WORK INSTRUCTION: Your answer needs to include each line of the records in which the string "IfcColumnType" can be found.

RECORDED DATA:
———

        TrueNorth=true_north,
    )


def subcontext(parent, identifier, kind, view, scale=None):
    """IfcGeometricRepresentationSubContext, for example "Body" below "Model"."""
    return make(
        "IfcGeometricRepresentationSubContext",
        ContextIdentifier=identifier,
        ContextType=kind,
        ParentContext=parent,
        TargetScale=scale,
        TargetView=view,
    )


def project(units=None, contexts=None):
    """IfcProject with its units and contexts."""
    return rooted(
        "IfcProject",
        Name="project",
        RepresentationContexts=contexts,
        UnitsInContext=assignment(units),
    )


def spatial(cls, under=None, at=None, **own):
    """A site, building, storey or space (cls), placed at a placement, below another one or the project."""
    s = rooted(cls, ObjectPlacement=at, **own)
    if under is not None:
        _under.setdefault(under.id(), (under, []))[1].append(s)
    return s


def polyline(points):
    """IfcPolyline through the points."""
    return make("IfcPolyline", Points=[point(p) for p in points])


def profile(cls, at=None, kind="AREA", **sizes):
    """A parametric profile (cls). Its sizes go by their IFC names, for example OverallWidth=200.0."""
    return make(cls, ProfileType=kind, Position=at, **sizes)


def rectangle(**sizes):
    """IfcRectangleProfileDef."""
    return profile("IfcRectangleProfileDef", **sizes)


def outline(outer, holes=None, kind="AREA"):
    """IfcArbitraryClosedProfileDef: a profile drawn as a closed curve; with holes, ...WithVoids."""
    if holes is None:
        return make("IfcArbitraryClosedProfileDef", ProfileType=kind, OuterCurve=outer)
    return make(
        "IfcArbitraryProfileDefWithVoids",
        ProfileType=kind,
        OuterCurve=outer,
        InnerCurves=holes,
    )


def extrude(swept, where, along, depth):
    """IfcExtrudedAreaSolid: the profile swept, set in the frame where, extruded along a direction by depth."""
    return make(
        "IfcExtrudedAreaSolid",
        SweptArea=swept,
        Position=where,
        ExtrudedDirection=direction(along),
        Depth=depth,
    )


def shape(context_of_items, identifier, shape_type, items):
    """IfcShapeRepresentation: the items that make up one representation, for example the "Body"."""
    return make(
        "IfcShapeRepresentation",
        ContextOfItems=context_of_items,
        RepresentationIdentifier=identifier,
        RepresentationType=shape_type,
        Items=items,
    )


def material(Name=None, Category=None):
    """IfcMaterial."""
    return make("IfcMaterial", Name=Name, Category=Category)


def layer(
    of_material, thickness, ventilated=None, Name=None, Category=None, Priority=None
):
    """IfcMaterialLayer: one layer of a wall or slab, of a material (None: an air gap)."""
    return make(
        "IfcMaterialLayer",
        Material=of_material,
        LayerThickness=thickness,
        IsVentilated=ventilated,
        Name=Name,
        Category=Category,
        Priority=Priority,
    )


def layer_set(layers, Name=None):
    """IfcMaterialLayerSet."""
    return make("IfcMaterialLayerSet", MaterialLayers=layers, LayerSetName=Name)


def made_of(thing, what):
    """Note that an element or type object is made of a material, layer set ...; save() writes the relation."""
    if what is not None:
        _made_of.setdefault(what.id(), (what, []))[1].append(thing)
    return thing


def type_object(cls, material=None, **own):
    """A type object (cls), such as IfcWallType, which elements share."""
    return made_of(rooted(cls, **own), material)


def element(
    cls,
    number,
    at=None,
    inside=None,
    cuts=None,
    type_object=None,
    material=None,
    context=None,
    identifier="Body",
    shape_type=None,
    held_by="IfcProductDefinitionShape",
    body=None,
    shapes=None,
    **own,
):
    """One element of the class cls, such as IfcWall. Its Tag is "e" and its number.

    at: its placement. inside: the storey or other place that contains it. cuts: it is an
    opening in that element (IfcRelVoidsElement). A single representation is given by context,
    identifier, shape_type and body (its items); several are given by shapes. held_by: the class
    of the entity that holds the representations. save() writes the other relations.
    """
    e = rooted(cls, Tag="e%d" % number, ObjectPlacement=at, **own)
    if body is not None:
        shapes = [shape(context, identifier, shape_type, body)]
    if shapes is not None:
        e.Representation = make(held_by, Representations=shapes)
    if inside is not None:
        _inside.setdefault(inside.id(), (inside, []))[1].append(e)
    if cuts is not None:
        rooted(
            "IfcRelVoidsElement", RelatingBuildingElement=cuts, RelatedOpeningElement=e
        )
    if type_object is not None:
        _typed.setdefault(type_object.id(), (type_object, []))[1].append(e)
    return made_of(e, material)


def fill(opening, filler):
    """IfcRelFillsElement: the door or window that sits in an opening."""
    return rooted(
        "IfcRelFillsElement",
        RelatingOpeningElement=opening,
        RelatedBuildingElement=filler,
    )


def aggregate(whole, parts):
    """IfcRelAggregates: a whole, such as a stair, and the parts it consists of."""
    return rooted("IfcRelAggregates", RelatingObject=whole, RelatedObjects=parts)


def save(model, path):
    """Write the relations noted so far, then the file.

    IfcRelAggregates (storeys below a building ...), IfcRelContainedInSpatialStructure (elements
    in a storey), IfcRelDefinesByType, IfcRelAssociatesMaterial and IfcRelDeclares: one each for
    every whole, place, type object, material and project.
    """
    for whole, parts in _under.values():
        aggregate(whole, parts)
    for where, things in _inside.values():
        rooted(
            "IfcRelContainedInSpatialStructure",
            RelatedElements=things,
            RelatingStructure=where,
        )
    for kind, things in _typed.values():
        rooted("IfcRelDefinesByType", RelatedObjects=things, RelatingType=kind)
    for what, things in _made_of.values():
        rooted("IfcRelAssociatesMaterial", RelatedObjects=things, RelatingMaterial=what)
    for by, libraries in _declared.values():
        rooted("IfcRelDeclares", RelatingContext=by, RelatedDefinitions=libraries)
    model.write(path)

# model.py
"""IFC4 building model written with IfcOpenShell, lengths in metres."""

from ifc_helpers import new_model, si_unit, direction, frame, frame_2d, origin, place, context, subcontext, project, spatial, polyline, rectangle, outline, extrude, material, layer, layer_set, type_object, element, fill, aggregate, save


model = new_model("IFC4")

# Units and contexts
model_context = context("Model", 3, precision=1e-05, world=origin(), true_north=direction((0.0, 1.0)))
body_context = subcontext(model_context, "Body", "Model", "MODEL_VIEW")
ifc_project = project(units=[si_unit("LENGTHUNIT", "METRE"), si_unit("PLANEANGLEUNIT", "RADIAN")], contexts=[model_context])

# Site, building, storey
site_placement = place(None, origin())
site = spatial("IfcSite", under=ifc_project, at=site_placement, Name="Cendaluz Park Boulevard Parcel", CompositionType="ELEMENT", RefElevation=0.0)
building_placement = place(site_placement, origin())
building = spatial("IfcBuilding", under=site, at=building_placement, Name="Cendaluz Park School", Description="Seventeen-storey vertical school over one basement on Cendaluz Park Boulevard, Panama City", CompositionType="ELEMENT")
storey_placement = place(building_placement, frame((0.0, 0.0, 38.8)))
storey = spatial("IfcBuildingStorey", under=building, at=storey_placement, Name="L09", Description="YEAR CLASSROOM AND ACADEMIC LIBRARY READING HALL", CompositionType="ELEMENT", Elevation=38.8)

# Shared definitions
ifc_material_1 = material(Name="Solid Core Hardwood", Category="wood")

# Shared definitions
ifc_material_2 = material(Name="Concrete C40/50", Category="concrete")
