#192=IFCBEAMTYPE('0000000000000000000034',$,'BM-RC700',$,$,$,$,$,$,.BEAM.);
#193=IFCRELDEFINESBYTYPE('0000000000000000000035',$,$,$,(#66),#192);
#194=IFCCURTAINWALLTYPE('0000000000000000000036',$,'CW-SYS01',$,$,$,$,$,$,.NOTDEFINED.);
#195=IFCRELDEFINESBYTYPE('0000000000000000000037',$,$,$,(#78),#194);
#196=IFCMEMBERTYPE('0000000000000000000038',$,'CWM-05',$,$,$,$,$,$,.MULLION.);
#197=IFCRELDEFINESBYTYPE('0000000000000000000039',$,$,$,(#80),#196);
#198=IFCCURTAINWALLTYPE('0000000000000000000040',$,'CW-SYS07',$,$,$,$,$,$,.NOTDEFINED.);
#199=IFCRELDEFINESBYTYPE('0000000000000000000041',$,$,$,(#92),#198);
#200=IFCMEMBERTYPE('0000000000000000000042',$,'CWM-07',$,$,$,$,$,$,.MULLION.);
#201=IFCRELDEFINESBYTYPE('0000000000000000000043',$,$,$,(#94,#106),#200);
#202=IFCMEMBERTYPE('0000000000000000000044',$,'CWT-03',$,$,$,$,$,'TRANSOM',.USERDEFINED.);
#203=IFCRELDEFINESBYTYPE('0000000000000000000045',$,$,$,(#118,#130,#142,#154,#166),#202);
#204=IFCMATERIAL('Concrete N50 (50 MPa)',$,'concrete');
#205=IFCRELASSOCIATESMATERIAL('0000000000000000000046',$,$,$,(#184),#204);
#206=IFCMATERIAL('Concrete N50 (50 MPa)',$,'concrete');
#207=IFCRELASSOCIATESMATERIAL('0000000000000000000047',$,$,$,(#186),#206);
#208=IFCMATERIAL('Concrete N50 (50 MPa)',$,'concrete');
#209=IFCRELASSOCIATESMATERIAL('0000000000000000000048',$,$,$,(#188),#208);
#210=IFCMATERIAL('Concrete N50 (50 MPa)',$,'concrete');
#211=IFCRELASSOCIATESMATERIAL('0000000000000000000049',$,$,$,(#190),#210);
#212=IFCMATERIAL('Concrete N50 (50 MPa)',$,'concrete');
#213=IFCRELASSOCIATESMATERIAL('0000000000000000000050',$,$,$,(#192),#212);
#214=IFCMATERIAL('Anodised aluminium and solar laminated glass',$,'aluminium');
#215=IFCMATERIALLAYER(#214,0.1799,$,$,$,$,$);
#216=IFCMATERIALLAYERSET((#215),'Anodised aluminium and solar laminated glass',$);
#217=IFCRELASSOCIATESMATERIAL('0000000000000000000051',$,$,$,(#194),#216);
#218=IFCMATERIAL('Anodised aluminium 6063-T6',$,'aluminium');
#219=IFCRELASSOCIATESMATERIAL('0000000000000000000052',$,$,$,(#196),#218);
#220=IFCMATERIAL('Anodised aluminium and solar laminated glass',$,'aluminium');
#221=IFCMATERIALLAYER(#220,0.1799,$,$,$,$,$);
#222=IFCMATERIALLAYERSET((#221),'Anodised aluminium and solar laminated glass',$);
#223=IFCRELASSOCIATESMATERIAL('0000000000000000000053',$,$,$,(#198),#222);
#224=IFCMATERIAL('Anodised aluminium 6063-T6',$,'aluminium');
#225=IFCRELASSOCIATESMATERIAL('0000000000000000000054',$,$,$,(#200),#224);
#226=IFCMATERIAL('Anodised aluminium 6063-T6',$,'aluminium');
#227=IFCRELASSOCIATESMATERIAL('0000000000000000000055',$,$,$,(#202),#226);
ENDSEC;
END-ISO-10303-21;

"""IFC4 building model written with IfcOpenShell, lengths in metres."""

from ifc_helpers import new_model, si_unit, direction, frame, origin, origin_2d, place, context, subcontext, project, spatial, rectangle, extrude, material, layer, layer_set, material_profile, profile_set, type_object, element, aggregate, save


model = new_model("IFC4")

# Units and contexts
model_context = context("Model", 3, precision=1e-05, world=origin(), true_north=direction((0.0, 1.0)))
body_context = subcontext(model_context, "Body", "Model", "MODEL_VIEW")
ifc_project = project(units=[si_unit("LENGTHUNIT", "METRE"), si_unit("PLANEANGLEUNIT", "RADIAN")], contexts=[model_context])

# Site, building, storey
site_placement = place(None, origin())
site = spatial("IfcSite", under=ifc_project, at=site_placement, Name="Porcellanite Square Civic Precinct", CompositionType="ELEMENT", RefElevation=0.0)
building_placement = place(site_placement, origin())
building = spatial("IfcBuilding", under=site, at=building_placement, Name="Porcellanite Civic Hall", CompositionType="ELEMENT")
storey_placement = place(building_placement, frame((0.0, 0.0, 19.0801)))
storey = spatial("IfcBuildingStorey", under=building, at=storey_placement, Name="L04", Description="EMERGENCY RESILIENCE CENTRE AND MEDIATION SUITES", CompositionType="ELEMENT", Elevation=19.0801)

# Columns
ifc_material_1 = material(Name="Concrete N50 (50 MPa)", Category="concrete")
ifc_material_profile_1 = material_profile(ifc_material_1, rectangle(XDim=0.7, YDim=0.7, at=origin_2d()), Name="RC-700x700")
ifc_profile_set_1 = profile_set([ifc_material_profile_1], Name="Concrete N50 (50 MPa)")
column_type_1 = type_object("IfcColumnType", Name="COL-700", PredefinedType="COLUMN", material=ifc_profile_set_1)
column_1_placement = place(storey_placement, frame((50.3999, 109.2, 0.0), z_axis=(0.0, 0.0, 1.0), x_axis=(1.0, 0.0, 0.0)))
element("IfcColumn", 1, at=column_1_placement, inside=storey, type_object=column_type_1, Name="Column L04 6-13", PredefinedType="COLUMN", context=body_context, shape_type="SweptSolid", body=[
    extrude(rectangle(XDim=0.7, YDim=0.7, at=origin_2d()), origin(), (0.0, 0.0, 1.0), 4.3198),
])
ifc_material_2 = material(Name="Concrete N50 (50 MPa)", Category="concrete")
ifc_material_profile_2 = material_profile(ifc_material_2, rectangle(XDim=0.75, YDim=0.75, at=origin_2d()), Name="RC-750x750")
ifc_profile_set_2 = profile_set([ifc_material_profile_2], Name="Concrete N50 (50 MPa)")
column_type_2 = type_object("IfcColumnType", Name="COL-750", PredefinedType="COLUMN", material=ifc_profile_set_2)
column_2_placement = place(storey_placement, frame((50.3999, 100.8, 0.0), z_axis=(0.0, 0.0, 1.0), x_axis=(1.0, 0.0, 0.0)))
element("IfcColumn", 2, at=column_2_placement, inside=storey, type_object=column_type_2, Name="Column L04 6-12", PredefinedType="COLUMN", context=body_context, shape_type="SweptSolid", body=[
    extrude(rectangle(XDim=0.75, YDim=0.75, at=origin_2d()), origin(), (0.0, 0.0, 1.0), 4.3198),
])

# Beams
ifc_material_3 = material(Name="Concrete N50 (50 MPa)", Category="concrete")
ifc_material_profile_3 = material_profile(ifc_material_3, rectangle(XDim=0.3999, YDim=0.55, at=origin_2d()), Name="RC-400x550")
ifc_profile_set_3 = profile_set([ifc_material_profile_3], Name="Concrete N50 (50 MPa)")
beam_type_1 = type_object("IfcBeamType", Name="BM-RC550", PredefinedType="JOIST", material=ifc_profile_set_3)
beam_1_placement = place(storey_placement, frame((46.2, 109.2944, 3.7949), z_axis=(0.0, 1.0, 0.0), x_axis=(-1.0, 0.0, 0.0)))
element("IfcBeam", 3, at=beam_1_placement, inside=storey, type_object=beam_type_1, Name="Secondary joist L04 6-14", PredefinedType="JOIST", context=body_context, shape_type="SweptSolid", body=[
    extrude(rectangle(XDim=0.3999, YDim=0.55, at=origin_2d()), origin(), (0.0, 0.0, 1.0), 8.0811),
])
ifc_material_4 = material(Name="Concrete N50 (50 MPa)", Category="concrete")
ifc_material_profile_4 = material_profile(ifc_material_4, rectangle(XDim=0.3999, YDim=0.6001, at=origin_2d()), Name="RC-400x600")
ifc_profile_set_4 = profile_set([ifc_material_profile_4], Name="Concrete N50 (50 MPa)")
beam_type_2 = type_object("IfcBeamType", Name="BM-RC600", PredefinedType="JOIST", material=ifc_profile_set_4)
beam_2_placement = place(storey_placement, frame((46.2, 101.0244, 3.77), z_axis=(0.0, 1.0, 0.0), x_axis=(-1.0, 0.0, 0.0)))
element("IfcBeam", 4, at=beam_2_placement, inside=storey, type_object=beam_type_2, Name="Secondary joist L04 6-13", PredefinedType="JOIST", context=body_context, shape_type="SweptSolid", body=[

———

ANSWER BOX:
column_type_1 = type_object("IfcColumnType", Name="COL-700", PredefinedType="COLUMN", material=ifc_profile_set_1)
column_type_2 = type_object("IfcColumnType", Name="COL-750", PredefinedType="COLUMN", material=ifc_profile_set_2)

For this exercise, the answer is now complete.